Start of Data

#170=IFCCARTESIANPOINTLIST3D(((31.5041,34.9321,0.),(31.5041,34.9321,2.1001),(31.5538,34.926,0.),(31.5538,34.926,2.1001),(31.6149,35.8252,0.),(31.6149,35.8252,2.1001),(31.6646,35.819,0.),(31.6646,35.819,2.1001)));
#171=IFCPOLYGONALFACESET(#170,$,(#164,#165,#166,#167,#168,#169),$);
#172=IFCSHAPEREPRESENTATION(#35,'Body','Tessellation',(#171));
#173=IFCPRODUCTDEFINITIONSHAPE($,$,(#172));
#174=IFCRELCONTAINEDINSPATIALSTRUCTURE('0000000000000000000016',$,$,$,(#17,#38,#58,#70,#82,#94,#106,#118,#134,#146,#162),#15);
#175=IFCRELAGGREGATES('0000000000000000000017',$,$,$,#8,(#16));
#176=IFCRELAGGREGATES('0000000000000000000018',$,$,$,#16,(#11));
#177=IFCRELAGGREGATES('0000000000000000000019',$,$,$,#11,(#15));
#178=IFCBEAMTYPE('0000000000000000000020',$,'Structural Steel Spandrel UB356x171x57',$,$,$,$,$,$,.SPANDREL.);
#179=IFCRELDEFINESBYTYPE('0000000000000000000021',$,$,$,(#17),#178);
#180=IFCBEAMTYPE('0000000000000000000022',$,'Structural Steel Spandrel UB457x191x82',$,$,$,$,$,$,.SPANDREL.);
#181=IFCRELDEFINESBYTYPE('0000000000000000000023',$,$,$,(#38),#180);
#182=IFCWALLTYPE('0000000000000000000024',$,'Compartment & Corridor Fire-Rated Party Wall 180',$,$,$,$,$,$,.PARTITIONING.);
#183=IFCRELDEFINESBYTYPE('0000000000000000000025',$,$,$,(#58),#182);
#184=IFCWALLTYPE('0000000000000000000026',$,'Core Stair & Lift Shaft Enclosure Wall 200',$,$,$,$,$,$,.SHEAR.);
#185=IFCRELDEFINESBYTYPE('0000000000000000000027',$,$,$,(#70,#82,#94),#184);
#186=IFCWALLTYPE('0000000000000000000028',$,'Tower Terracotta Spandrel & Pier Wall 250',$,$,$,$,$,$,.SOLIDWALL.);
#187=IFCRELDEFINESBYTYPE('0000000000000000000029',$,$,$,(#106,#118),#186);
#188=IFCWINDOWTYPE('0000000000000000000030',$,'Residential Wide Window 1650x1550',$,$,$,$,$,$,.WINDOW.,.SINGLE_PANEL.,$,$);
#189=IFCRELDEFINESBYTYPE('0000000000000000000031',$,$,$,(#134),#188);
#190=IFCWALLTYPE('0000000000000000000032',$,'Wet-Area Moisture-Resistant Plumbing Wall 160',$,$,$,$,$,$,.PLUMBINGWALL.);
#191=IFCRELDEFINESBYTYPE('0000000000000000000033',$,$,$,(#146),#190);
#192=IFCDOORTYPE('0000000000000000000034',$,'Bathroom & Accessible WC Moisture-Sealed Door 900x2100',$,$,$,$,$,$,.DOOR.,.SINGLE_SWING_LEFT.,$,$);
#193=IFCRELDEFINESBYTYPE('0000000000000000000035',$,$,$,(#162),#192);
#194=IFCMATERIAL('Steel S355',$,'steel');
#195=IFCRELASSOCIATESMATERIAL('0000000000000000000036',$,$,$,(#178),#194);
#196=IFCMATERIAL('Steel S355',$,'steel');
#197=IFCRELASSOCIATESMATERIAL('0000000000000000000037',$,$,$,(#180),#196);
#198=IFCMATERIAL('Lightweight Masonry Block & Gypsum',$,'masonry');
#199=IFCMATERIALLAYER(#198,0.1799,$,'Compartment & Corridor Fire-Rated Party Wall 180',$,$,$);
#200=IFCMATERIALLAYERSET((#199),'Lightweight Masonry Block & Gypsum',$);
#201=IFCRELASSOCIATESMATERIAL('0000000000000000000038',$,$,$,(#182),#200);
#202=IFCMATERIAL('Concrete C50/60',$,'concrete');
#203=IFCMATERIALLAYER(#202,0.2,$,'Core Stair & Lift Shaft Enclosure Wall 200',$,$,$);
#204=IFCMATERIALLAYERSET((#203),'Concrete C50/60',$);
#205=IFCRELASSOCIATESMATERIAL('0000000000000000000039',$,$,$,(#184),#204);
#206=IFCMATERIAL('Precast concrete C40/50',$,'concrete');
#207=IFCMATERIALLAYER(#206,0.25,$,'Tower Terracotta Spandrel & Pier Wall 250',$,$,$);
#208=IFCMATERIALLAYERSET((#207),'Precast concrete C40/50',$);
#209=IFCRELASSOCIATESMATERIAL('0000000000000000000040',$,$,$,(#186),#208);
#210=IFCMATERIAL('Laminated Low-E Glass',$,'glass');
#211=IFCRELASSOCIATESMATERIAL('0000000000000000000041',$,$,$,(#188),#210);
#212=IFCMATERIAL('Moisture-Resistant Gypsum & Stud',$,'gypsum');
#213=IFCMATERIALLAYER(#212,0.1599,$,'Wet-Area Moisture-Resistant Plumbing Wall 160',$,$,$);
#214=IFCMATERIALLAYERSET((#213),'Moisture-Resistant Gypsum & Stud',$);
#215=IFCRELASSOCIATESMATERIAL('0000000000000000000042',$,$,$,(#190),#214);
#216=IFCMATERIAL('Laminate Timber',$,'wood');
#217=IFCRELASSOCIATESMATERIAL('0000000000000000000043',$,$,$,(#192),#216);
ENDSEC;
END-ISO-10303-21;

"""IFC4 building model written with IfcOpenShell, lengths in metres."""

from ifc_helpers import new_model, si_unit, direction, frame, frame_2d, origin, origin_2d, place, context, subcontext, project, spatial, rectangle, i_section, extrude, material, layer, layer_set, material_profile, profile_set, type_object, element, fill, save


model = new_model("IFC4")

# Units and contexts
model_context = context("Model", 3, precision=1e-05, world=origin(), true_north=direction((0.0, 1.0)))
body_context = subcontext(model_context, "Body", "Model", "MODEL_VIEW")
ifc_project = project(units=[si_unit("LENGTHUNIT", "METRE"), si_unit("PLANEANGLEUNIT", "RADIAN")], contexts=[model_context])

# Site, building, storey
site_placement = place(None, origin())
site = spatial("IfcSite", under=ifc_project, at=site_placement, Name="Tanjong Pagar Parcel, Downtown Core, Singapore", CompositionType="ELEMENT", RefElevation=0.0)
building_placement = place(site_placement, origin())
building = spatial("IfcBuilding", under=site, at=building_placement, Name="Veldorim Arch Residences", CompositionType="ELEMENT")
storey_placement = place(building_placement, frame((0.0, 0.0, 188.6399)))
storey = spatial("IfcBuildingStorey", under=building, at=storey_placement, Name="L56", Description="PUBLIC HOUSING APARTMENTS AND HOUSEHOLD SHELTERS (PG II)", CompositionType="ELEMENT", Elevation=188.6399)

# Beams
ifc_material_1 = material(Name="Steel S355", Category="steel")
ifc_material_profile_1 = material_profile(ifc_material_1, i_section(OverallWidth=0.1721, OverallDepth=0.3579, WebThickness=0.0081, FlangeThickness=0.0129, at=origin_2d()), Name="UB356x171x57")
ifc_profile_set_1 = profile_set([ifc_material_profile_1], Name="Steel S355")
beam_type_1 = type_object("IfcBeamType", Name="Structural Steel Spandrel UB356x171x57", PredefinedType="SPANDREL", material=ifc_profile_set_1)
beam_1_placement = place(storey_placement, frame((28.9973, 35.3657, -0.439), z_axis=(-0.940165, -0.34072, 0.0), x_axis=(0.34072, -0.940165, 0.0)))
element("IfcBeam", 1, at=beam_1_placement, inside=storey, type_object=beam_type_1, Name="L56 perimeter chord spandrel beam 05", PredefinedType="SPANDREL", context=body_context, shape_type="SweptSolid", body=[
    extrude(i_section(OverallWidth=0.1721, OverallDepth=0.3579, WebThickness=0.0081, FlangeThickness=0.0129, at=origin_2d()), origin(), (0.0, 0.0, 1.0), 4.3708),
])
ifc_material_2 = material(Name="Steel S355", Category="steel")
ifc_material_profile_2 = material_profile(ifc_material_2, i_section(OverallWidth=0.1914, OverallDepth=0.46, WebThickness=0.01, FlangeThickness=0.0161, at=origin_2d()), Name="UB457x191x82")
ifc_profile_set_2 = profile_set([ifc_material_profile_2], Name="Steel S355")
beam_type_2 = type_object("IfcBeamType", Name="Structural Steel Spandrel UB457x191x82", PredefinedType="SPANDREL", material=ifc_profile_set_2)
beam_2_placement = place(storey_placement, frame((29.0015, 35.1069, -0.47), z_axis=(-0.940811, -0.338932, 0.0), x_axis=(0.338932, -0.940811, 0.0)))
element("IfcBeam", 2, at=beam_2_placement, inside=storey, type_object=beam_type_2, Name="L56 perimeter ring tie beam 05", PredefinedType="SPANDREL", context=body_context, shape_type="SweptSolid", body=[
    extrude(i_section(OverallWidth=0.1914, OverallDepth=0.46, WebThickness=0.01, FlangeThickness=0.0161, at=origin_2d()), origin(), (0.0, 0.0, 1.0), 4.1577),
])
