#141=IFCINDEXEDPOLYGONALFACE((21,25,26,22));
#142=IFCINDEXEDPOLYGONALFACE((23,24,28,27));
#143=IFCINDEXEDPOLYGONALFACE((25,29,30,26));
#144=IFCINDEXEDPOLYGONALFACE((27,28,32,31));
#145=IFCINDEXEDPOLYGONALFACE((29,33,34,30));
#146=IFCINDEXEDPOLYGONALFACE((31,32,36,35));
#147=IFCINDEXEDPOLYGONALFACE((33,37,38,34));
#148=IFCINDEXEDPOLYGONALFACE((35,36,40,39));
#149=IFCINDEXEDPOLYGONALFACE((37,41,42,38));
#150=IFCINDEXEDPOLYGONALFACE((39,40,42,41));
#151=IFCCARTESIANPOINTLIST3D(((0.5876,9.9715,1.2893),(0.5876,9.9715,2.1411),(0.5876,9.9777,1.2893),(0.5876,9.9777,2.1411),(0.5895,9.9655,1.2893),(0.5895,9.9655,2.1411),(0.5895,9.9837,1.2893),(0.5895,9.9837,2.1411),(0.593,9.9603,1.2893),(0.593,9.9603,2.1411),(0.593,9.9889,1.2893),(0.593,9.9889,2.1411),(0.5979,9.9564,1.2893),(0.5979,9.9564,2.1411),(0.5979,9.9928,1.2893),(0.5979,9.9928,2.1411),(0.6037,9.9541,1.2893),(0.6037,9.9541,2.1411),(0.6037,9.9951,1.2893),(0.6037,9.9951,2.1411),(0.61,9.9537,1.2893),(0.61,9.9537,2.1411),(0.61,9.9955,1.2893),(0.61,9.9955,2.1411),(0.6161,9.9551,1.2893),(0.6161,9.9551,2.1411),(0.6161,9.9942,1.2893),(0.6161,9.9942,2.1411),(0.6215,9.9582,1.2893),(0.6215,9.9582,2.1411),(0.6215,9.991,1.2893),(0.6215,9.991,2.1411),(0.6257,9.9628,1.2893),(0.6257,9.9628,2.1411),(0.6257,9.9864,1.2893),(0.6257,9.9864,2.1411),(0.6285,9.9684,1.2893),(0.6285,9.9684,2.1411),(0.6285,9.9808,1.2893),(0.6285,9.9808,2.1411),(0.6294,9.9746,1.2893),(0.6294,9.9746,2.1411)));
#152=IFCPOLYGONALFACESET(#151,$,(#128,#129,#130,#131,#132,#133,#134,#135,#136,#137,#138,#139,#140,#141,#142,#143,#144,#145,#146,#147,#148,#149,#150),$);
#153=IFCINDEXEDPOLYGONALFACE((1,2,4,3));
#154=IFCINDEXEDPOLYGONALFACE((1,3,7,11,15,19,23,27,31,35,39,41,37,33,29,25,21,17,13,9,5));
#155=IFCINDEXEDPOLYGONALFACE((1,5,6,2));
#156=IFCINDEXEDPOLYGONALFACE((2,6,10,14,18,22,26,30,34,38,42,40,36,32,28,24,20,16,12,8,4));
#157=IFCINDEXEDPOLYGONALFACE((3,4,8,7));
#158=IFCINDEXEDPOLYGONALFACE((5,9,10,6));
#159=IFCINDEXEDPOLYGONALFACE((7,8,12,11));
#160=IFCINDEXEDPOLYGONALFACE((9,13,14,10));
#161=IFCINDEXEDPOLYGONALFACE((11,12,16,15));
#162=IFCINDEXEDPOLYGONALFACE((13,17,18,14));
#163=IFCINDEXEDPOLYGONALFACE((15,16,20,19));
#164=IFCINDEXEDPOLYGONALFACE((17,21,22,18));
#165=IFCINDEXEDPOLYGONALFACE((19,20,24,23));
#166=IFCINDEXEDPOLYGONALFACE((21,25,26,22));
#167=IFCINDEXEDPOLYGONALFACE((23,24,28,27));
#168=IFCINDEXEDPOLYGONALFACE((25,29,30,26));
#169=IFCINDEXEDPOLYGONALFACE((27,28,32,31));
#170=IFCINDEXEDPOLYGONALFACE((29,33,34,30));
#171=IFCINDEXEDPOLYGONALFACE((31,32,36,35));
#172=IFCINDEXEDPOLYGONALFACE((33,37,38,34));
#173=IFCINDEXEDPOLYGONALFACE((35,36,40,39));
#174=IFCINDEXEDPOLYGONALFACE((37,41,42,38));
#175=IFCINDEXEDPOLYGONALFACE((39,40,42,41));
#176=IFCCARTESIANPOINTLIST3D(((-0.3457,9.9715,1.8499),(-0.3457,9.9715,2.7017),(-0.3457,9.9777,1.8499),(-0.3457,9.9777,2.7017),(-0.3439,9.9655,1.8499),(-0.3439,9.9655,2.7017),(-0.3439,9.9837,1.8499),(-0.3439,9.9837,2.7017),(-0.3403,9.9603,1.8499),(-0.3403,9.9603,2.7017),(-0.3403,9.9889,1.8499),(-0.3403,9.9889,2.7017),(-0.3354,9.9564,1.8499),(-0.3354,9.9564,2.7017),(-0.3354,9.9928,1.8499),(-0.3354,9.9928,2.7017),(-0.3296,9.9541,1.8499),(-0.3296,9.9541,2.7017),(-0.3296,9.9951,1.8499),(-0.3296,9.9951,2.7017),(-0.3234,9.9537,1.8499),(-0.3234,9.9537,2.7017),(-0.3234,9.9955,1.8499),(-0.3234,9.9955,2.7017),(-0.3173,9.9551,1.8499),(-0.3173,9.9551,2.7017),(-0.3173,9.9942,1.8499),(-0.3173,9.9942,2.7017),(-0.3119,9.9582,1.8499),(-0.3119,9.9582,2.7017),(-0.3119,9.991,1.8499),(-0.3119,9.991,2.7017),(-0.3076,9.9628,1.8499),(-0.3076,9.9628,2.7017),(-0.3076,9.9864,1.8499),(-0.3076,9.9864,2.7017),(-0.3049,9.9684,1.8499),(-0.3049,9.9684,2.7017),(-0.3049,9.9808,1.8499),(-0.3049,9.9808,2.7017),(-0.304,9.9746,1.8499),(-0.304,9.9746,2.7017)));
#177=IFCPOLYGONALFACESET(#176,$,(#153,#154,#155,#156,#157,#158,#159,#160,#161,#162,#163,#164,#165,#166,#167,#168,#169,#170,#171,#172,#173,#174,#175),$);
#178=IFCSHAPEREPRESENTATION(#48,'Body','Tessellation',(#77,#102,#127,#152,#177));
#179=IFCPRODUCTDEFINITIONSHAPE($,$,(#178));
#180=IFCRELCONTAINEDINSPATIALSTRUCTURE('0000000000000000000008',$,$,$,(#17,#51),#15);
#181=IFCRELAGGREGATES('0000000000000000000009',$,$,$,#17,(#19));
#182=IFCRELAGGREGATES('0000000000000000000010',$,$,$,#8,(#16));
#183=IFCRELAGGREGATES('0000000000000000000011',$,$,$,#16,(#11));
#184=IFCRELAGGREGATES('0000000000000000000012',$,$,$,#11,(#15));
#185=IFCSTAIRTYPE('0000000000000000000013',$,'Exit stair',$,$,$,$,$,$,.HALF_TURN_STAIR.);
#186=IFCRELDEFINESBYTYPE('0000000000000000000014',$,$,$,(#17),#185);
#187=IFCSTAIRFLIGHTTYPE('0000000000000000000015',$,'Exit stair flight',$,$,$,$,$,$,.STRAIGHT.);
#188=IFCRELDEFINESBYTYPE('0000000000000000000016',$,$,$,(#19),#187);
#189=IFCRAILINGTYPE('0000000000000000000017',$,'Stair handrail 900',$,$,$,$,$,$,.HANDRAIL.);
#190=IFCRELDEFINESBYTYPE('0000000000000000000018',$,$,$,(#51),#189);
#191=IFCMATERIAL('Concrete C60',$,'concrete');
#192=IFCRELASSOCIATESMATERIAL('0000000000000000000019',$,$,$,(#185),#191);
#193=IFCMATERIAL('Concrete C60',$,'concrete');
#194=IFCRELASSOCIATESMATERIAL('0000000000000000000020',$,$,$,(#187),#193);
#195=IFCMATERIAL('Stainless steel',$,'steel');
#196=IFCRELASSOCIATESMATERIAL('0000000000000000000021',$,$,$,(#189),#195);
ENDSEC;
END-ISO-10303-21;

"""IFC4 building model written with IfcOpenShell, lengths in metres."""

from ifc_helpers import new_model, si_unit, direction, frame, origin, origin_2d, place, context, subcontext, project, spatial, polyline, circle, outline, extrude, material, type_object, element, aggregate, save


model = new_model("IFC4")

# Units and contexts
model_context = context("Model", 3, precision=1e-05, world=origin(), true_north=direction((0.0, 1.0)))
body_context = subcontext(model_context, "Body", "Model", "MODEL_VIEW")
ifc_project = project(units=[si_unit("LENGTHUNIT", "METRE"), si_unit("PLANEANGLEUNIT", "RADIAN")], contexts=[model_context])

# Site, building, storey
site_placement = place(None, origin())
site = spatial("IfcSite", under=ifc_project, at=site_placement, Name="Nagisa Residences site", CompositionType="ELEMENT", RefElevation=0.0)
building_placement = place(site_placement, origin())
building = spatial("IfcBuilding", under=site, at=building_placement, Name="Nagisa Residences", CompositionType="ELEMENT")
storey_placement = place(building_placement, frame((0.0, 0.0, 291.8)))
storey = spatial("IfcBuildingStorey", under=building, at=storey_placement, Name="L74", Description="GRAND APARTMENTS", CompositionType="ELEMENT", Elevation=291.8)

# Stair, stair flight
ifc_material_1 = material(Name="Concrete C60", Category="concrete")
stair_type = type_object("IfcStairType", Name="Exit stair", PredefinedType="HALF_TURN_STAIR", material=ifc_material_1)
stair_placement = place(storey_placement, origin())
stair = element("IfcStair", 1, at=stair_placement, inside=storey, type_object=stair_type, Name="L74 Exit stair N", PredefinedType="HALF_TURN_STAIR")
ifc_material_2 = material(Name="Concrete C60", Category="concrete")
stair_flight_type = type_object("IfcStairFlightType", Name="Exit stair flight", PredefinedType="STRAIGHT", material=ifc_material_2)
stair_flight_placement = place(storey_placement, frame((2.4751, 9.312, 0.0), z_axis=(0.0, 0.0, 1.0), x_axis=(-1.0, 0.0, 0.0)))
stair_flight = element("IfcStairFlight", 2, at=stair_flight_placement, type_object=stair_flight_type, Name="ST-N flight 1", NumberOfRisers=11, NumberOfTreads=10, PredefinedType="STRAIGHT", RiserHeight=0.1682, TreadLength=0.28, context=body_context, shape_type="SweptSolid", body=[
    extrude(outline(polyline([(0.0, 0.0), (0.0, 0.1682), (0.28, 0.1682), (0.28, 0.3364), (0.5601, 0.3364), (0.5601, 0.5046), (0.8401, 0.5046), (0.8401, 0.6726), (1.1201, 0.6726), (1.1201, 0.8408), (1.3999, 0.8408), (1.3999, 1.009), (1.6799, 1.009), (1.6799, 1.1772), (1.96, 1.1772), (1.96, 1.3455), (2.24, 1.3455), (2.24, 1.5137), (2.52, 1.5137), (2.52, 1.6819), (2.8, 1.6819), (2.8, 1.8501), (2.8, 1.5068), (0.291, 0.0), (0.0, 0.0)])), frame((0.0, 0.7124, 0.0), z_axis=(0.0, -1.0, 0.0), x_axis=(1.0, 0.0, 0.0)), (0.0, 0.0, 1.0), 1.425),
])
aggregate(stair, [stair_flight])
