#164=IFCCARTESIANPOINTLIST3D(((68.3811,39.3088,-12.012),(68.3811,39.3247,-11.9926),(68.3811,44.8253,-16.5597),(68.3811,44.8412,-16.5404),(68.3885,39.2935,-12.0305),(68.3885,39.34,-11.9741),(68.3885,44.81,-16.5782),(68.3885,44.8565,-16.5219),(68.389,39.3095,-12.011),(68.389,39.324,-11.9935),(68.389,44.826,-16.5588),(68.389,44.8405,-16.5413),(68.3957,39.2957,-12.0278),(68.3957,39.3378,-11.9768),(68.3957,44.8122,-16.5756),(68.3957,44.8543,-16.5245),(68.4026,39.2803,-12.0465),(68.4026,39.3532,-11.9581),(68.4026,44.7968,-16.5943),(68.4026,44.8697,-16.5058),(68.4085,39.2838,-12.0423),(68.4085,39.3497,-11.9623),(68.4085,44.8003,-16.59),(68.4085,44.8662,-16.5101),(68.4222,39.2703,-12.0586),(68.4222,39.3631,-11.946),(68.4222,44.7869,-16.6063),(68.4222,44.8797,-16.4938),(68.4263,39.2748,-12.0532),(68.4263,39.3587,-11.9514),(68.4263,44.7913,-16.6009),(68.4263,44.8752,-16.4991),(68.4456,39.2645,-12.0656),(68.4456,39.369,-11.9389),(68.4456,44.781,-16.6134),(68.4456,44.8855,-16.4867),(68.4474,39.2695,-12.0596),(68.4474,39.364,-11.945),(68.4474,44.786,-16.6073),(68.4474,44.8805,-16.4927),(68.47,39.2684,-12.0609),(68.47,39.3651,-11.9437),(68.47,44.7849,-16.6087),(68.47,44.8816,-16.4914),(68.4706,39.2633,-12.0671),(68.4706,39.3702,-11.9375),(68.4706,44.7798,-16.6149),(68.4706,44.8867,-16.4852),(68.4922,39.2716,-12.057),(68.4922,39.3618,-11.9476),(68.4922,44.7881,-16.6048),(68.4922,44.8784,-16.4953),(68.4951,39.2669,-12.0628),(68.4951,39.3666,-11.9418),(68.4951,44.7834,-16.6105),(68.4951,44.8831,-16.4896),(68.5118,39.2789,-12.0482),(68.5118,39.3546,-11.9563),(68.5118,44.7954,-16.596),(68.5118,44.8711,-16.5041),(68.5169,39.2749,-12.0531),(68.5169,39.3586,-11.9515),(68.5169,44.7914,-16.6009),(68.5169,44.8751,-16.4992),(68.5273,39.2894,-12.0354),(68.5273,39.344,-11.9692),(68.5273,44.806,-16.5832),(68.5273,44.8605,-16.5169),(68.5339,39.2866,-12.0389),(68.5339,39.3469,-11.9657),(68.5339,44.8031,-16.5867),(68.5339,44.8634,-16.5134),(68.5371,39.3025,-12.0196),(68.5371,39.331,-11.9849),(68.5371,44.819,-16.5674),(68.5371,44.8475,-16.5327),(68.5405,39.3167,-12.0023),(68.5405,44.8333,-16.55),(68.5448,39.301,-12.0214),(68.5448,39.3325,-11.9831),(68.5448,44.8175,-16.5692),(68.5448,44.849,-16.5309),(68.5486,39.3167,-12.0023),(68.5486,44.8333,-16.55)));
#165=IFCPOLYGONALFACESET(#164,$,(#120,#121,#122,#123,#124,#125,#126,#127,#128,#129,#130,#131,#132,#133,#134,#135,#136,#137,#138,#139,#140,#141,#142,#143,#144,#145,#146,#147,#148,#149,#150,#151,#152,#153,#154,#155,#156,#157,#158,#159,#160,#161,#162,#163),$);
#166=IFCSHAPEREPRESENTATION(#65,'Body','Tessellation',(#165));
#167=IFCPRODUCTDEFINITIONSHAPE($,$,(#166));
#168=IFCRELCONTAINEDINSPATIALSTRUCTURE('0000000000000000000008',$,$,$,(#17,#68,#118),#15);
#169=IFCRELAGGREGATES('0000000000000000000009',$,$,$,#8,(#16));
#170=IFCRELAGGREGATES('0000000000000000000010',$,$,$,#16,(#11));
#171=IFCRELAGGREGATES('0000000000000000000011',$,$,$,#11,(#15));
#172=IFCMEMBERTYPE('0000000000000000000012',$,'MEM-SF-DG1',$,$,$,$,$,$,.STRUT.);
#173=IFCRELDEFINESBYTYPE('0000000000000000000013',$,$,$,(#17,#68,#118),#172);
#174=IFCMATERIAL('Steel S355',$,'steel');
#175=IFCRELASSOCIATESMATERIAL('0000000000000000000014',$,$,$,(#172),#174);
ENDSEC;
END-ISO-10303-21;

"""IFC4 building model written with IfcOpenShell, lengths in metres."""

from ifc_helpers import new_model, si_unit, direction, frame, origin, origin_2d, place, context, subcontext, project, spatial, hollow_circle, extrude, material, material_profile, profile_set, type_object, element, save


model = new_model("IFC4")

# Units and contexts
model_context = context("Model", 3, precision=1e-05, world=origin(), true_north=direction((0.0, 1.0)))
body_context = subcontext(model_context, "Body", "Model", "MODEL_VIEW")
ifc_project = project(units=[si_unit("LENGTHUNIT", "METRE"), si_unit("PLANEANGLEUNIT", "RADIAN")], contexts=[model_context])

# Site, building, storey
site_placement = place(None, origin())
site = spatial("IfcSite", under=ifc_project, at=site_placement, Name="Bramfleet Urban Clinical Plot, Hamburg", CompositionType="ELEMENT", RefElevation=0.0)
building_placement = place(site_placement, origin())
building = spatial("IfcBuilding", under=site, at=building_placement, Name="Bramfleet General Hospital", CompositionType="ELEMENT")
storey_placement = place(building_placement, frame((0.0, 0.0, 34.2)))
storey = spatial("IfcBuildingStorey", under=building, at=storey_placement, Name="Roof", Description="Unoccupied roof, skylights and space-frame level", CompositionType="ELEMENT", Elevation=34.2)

End of Data

- Aim of the task -
Set every line down again exactly. Begin with the first line of the entries and finish with the line containing "Steel Spandrel UB457x191x82',$,$,$,$,$,$,.SPANDREL.);".

- Result of the task -
#170=IFCCARTESIANPOINTLIST3D(((31.5041,34.9321,0.),(31.5041,34.9321,2.1001),(31.5538,34.926,0.),(31.5538,34.926,2.1001),(31.6149,35.8252,0.),(31.6149,35.8252,2.1001),(31.6646,35.819,0.),(31.6646,35.819,2.1001)));
#171=IFCPOLYGONALFACESET(#170,$,(#164,#165,#166,#167,#168,#169),$);
#172=IFCSHAPEREPRESENTATION(#35,'Body','Tessellation',(#171));
#173=IFCPRODUCTDEFINITIONSHAPE($,$,(#172));
#174=IFCRELCONTAINEDINSPATIALSTRUCTURE('0000000000000000000016',$,$,$,(#17,#38,#58,#70,#82,#94,#106,#118,#134,#146,#162),#15);
#175=IFCRELAGGREGATES('0000000000000000000017',$,$,$,#8,(#16));
#176=IFCRELAGGREGATES('0000000000000000000018',$,$,$,#16,(#11));
#177=IFCRELAGGREGATES('0000000000000000000019',$,$,$,#11,(#15));
#178=IFCBEAMTYPE('0000000000000000000020',$,'Structural Steel Spandrel UB356x171x57',$,$,$,$,$,$,.SPANDREL.);
#179=IFCRELDEFINESBYTYPE('0000000000000000000021',$,$,$,(#17),#178);
#180=IFCBEAMTYPE('0000000000000000000022',$,'Structural Steel Spandrel UB457x191x82',$,$,$,$,$,$,.SPANDREL.);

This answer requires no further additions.